** The problem **
Nothing in the entries may differ when you return them.

** Supplied entries **

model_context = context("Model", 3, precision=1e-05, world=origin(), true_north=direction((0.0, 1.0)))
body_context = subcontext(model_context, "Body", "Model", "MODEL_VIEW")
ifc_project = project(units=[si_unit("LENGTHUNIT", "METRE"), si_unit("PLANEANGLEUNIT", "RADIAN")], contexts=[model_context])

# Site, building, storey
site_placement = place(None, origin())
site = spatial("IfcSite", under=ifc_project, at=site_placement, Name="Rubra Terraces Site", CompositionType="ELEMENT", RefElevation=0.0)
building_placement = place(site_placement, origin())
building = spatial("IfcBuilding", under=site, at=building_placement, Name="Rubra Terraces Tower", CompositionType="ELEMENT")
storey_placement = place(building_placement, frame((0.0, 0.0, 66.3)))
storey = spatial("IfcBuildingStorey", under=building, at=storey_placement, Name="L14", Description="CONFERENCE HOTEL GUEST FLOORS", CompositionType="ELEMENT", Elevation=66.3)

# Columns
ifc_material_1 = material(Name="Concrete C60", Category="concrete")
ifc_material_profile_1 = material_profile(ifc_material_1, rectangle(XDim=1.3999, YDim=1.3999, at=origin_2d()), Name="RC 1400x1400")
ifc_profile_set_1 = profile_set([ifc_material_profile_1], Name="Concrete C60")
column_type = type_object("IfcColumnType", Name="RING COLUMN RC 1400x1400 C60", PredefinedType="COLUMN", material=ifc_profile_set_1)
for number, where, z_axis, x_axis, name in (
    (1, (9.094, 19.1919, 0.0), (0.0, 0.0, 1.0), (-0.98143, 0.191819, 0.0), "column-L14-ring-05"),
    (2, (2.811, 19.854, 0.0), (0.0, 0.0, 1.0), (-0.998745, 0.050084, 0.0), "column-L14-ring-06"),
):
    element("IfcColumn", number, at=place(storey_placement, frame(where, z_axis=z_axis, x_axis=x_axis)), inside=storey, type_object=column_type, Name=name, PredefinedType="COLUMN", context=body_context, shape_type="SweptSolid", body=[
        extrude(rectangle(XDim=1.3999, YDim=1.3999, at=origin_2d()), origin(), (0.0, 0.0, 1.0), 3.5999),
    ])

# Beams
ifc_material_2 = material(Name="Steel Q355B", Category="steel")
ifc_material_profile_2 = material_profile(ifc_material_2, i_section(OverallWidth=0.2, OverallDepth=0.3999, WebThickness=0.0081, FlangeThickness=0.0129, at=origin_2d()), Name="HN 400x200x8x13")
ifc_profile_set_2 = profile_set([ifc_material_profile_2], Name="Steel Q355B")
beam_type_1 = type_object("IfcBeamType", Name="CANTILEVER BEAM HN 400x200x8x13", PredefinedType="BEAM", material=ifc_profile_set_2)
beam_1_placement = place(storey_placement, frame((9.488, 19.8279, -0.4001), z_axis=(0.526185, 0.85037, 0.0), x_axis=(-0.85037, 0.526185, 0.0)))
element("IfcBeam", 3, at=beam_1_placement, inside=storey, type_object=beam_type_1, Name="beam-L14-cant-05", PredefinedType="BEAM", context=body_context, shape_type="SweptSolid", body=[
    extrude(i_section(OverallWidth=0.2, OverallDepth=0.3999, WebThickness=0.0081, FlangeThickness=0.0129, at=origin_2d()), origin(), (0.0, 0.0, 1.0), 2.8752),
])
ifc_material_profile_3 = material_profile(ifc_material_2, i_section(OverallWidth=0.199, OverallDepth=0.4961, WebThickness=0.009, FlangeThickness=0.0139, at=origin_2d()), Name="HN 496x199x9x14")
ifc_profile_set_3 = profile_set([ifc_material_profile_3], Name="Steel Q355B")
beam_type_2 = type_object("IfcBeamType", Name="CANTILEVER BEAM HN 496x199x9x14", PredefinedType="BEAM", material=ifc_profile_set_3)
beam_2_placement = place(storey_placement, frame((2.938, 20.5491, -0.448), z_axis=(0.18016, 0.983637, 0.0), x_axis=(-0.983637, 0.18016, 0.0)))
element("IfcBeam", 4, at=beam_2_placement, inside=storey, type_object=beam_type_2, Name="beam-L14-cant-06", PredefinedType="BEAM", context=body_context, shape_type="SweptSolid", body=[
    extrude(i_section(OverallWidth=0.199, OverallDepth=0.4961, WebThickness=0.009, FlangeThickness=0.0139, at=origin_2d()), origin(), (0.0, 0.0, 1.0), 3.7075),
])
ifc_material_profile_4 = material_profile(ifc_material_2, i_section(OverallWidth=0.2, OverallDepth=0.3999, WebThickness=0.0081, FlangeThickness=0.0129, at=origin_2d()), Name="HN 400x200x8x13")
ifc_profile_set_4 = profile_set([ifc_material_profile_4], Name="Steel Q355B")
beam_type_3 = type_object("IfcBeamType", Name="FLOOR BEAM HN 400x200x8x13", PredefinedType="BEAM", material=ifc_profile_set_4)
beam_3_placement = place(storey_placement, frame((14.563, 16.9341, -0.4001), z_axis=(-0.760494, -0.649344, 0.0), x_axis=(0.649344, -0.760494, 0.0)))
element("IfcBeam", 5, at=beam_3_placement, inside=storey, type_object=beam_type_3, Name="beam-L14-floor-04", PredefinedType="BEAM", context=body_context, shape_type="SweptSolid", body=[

** Written solution **
model_context = context("Model", 3, precision=1e-05, world=origin(), true_north=direction((0.0, 1.0)))
body_context = subcontext(model_context, "Body", "Model", "MODEL_VIEW")
ifc_project = project(units=[si_unit("LENGTHUNIT", "METRE"), si_unit("PLANEANGLEUNIT", "RADIAN")], contexts=[model_context])

# Site, building, storey
site_placement = place(None, origin())
site = spatial("IfcSite", under=ifc_project, at=site_placement, Name="Rubra Terraces Site", CompositionType="ELEMENT", RefElevation=0.0)
building_placement = place(site_placement, origin())
building = spatial("IfcBuilding", under=site, at=building_placement, Name="Rubra Terraces Tower", CompositionType="ELEMENT")
storey_placement = place(building_placement, frame((0.0, 0.0, 66.3)))
storey = spatial("IfcBuildingStorey", under=building, at=storey_placement, Name="L14", Description="CONFERENCE HOTEL GUEST FLOORS", CompositionType="ELEMENT", Elevation=66.3)

# Columns
ifc_material_1 = material(Name="Concrete C60", Category="concrete")
ifc_material_profile_1 = material_profile(ifc_material_1, rectangle(XDim=1.3999, YDim=1.3999, at=origin_2d()), Name="RC 1400x1400")
ifc_profile_set_1 = profile_set([ifc_material_profile_1], Name="Concrete C60")
column_type = type_object("IfcColumnType", Name="RING COLUMN RC 1400x1400 C60", PredefinedType="COLUMN", material=ifc_profile_set_1)
for number, where, z_axis, x_axis, name in (
    (1, (9.094, 19.1919, 0.0), (0.0, 0.0, 1.0), (-0.98143, 0.191819, 0.0), "column-L14-ring-05"),
    (2, (2.811, 19.854, 0.0), (0.0, 0.0, 1.0), (-0.998745, 0.050084, 0.0), "column-L14-ring-06"),
):
    element("IfcColumn", number, at=place(storey_placement, frame(where, z_axis=z_axis, x_axis=x_axis)), inside=storey, type_object=column_type, Name=name, PredefinedType="COLUMN", context=body_context, shape_type="SweptSolid", body=[
        extrude(rectangle(XDim=1.3999, YDim=1.3999, at=origin_2d()), origin(), (0.0, 0.0, 1.0), 3.5999),
    ])

# Beams
ifc_material_2 = material(Name="Steel Q355B", Category="steel")
ifc_material_profile_2 = material_profile(ifc_material_2, i_section(OverallWidth=0.2, OverallDepth=0.3999, WebThickness=0.0081, FlangeThickness=0.0129, at=origin_2d()), Name="HN 400x200x8x13")
ifc_profile_set_2 = profile_set([ifc_material_profile_2], Name="Steel Q355B")
beam_type_1 = type_object("IfcBeamType", Name="CANTILEVER BEAM HN 400x200x8x13", PredefinedType="BEAM", material=ifc_profile_set_2)
beam_1_placement = place(storey_placement, frame((9.488, 19.8279, -0.4001), z_axis=(0.526185, 0.85037, 0.0), x_axis=(-0.85037, 0.526185, 0.0)))
element("IfcBeam", 3, at=beam_1_placement, inside=storey, type_object=beam_type_1, Name="beam-L14-cant-05", PredefinedType="BEAM", context=body_context, shape_type="SweptSolid", body=[
    extrude(i_section(OverallWidth=0.2, OverallDepth=0.3999, WebThickness=0.0081, FlangeThickness=0.0129, at=origin_2d()), origin(), (0.0, 0.0, 1.0), 2.8752),
])
ifc_material_profile_3 = material_profile(ifc_material_2, i_section(OverallWidth=0.199, OverallDepth=0.4961, WebThickness=0.009, FlangeThickness=0.0139, at=origin_2d()), Name="HN 496x199x9x14")
ifc_profile_set_3 = profile_set([ifc_material_profile_3], Name="Steel Q355B")
beam_type_2 = type_object("IfcBeamType", Name="CANTILEVER BEAM HN 496x199x9x14", PredefinedType="BEAM", material=ifc_profile_set_3)
beam_2_placement = place(storey_placement, frame((2.938, 20.5491, -0.448), z_axis=(0.18016, 0.983637, 0.0), x_axis=(-0.983637, 0.18016, 0.0)))
element("IfcBeam", 4, at=beam_2_placement, inside=storey, type_object=beam_type_2, Name="beam-L14-cant-06", PredefinedType="BEAM", context=body_context, shape_type="SweptSolid", body=[
    extrude(i_section(OverallWidth=0.199, OverallDepth=0.4961, WebThickness=0.009, FlangeThickness=0.0139, at=origin_2d()), origin(), (0.0, 0.0, 1.0), 3.7075),
])
ifc_material_profile_4 = material_profile(ifc_material_2, i_section(OverallWidth=0.2, OverallDepth=0.3999, WebThickness=0.0081, FlangeThickness=0.0129, at=origin_2d()), Name="HN 400x200x8x13")
ifc_profile_set_4 = profile_set([ifc_material_profile_4], Name="Steel Q355B")
beam_type_3 = type_object("IfcBeamType", Name="FLOOR BEAM HN 400x200x8x13", PredefinedType="BEAM", material=ifc_profile_set_4)
beam_3_placement = place(storey_placement, frame((14.563, 16.9341, -0.4001), z_axis=(-0.760494, -0.649344, 0.0), x_axis=(0.649344, -0.760494, 0.0)))
element("IfcBeam", 5, at=beam_3_placement, inside=storey, type_object=beam_type_3, Name="beam-L14-floor-04", PredefinedType="BEAM", context=body_context, shape_type="SweptSolid", body=[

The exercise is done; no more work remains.